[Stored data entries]
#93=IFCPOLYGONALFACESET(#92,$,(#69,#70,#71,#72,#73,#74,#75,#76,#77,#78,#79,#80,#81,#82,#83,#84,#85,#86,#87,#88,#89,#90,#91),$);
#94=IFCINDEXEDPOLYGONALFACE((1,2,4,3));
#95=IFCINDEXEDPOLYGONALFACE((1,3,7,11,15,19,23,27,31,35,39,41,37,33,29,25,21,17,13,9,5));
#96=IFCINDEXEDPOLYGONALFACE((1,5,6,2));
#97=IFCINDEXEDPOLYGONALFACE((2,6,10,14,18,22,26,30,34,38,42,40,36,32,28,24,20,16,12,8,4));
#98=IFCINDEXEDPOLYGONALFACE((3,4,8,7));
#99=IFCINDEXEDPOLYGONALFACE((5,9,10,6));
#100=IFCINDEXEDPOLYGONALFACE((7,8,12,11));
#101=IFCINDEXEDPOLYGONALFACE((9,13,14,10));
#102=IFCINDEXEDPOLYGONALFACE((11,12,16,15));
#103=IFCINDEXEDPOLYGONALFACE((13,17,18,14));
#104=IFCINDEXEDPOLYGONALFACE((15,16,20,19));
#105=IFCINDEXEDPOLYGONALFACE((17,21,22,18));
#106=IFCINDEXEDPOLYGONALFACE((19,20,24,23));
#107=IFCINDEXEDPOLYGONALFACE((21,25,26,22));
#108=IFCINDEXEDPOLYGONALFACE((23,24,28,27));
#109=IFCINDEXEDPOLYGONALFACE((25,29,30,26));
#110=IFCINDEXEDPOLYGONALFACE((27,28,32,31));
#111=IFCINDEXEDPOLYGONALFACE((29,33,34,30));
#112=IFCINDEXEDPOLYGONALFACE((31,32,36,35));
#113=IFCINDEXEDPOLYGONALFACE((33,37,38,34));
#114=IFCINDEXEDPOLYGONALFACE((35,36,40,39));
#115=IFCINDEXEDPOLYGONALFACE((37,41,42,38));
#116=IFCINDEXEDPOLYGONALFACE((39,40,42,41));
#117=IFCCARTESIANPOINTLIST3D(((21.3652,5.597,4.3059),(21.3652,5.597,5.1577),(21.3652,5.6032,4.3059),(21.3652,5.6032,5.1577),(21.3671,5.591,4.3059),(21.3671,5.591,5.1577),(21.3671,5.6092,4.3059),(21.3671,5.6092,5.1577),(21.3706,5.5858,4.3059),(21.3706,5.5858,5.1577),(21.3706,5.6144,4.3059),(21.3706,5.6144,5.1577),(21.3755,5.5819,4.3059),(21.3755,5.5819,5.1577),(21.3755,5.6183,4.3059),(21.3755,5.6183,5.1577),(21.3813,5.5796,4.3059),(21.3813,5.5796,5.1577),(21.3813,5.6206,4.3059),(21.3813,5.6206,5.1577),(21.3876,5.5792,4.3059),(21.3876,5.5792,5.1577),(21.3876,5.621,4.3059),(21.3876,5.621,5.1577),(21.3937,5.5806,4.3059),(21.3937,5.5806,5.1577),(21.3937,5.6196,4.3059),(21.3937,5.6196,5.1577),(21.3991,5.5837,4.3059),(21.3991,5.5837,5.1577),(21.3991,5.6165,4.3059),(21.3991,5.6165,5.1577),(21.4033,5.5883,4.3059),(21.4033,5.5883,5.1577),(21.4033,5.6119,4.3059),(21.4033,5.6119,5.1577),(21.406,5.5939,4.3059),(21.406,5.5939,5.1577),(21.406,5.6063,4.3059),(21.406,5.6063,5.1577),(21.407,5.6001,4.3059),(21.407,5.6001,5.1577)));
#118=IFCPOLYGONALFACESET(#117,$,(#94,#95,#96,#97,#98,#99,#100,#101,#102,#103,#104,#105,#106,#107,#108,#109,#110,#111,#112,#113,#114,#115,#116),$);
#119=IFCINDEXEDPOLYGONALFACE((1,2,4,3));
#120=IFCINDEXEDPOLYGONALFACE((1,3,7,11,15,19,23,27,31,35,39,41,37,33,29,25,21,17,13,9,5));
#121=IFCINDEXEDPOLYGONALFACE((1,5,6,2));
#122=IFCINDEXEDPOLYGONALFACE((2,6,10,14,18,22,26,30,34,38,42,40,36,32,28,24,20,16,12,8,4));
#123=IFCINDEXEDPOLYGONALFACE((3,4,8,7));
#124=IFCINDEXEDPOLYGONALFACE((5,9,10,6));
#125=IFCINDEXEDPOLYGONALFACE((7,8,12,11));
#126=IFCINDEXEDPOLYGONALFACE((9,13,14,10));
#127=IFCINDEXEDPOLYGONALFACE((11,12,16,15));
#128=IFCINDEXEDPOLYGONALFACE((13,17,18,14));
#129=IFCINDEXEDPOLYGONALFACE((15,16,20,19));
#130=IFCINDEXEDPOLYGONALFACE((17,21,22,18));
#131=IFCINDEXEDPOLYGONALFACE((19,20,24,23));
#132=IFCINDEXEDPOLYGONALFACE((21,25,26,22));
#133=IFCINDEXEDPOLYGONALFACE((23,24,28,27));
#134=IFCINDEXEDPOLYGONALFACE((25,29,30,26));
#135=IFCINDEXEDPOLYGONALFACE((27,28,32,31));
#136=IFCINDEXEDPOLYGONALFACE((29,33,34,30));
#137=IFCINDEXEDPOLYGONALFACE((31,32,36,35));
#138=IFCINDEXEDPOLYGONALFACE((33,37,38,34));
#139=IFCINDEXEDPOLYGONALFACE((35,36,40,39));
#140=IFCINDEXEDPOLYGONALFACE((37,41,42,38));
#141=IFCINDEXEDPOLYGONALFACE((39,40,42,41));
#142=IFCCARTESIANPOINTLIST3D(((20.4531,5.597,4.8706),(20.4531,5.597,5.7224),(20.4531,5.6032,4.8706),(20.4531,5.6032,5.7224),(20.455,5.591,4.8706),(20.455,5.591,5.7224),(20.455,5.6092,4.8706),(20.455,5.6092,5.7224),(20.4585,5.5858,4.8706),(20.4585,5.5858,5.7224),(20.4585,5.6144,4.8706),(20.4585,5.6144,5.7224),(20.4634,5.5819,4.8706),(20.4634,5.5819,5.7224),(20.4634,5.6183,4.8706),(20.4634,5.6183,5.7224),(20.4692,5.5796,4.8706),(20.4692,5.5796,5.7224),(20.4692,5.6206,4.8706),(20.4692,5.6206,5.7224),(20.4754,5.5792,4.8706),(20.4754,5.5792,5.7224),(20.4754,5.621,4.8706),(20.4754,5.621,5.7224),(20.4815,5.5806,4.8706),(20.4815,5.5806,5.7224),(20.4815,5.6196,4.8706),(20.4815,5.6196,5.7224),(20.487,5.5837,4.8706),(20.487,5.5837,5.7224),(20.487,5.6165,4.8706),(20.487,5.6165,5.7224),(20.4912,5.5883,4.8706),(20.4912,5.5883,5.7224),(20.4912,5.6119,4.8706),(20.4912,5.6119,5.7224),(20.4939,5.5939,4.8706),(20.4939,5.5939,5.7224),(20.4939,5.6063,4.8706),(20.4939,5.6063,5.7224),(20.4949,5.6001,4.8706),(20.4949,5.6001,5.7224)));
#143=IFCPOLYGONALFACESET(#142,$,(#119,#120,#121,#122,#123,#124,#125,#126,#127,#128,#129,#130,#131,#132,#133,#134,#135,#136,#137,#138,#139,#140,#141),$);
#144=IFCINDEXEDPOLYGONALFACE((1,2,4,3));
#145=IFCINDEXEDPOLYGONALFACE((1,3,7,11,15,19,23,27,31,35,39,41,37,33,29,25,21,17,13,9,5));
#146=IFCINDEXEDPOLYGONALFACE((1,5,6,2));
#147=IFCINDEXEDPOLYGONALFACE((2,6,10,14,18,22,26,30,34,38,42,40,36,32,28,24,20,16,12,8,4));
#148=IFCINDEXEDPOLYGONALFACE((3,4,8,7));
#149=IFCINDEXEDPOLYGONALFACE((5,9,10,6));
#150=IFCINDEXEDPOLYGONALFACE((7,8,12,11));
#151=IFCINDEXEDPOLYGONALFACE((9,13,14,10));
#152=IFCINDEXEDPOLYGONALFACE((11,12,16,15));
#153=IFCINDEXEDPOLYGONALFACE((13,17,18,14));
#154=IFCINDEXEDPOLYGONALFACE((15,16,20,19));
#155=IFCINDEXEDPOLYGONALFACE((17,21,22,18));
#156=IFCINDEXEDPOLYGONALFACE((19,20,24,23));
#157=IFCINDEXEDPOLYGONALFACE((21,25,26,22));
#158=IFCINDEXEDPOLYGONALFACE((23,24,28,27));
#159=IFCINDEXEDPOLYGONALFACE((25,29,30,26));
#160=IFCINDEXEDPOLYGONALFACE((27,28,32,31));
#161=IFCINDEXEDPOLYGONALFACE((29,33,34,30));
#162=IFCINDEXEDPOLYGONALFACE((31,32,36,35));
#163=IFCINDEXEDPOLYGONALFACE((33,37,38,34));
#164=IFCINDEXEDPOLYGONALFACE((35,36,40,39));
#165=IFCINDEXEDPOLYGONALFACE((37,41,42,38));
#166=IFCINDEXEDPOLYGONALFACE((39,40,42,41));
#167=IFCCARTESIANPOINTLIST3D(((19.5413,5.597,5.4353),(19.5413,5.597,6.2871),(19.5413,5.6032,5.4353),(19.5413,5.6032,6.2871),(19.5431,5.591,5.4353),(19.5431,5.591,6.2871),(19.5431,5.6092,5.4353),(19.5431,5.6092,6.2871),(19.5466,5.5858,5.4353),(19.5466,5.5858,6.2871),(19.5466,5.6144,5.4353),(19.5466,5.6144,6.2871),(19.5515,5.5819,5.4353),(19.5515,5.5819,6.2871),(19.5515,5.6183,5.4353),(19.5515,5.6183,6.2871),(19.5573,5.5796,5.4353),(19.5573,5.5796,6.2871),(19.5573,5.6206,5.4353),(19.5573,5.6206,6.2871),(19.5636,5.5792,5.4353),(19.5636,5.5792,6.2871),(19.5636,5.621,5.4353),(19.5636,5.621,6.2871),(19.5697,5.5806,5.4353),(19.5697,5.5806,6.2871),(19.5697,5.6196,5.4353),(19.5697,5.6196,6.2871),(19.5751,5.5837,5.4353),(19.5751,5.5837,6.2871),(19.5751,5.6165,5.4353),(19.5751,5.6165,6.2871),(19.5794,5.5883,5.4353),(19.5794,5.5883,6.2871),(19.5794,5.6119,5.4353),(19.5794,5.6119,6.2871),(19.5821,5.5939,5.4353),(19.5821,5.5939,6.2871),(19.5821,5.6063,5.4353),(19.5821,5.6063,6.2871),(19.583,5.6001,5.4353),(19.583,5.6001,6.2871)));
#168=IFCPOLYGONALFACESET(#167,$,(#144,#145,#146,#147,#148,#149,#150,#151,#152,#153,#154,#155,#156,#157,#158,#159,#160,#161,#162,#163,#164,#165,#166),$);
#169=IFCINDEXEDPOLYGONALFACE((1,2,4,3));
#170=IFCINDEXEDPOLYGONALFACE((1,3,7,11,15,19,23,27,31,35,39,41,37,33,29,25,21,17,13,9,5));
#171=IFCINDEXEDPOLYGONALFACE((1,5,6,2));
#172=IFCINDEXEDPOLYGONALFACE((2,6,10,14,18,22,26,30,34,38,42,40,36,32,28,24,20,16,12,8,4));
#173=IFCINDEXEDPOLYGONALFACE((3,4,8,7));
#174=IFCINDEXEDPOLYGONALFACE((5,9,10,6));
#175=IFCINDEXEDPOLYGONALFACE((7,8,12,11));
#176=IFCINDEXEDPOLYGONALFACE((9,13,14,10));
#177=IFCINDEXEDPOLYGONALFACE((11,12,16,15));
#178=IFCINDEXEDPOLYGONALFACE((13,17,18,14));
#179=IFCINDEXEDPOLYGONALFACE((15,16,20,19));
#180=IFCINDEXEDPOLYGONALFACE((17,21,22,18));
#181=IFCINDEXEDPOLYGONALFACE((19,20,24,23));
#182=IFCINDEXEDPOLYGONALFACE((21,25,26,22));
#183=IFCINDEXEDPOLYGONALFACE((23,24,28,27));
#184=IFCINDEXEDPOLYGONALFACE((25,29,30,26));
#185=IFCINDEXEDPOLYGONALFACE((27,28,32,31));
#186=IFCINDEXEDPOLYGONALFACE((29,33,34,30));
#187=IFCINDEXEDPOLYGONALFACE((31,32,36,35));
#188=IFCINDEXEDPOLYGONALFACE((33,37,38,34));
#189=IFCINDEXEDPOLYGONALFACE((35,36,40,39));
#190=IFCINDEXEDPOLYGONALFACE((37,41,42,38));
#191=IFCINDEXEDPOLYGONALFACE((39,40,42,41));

==

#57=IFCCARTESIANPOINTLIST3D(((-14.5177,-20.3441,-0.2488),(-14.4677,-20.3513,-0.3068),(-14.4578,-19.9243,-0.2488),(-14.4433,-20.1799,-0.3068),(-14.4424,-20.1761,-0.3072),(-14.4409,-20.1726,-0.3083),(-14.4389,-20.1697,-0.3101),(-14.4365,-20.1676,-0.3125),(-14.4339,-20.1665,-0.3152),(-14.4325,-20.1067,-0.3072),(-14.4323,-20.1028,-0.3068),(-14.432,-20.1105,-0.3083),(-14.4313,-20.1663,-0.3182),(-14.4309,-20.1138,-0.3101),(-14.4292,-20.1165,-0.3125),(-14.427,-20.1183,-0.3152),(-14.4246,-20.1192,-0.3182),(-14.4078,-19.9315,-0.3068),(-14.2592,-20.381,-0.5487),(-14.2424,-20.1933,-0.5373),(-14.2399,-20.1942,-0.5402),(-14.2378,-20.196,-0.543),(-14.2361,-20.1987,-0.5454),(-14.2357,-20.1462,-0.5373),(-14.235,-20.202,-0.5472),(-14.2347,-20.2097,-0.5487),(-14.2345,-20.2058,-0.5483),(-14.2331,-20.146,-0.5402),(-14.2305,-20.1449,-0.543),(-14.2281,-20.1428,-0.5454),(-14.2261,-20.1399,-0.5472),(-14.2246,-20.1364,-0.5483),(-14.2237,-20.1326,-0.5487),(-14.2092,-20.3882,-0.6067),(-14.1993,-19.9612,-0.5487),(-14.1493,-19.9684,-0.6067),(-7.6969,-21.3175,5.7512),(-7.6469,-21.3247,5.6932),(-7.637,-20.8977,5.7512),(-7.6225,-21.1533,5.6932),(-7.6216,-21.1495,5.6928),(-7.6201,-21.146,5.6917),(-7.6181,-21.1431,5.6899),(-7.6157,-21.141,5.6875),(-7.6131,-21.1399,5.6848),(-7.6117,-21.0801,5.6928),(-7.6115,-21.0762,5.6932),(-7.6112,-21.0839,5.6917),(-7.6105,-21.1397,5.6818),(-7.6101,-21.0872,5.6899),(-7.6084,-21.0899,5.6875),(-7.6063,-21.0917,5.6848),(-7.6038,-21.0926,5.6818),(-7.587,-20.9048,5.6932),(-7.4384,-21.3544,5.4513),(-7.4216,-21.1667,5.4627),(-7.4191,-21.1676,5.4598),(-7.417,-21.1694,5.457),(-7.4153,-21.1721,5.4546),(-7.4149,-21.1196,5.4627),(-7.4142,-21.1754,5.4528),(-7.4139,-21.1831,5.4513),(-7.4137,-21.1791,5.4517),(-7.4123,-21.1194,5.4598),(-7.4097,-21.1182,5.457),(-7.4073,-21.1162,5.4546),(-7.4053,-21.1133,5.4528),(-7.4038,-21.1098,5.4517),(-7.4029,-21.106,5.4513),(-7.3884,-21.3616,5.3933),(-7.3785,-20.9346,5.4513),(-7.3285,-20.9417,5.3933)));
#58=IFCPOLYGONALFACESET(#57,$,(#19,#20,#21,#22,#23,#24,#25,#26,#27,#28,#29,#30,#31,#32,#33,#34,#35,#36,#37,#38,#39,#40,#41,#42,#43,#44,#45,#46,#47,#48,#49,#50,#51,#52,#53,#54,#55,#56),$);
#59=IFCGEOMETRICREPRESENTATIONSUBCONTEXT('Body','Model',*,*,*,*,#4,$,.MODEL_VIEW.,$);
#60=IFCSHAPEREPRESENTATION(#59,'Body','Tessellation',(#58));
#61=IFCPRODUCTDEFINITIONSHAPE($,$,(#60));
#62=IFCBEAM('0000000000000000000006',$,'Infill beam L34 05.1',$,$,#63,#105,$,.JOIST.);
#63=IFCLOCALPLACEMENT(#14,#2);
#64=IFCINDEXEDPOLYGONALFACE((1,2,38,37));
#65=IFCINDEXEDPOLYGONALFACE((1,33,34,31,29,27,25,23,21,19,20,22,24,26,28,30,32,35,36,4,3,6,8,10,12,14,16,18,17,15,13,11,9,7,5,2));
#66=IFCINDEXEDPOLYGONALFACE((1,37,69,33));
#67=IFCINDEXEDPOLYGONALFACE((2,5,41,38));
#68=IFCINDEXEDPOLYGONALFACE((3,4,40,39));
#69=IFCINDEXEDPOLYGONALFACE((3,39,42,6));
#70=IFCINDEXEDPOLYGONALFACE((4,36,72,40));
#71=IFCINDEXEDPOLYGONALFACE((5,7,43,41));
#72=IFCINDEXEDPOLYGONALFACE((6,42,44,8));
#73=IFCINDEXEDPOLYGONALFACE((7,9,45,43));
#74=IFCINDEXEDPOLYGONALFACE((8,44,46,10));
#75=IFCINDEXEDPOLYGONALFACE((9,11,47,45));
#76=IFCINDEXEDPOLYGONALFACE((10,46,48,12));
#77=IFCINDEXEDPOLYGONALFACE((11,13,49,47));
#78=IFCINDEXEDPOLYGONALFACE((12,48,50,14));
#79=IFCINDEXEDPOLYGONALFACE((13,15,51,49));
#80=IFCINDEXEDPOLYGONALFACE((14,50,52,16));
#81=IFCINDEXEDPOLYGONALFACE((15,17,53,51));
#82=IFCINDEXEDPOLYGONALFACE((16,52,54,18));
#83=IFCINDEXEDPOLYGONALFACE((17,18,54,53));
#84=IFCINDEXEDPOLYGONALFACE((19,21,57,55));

__INSTRUCTIONS TO FOLLOW__: Set down only the lines above that fall between the line holding "#183=IFCINDEXEDPOLYGONALFACE((23,24,28,27));" and the line holding "#191=IFCINDEXEDPOLYGONALFACE((39,40,42,41));", inclusive, keeping each exact.

__REPLY TO THE EXERCISE__:
#183=IFCINDEXEDPOLYGONALFACE((23,24,28,27));
#184=IFCINDEXEDPOLYGONALFACE((25,29,30,26));
#185=IFCINDEXEDPOLYGONALFACE((27,28,32,31));
#186=IFCINDEXEDPOLYGONALFACE((29,33,34,30));
#187=IFCINDEXEDPOLYGONALFACE((31,32,36,35));
#188=IFCINDEXEDPOLYGONALFACE((33,37,38,34));
#189=IFCINDEXEDPOLYGONALFACE((35,36,40,39));
#190=IFCINDEXEDPOLYGONALFACE((37,41,42,38));
#191=IFCINDEXEDPOLYGONALFACE((39,40,42,41));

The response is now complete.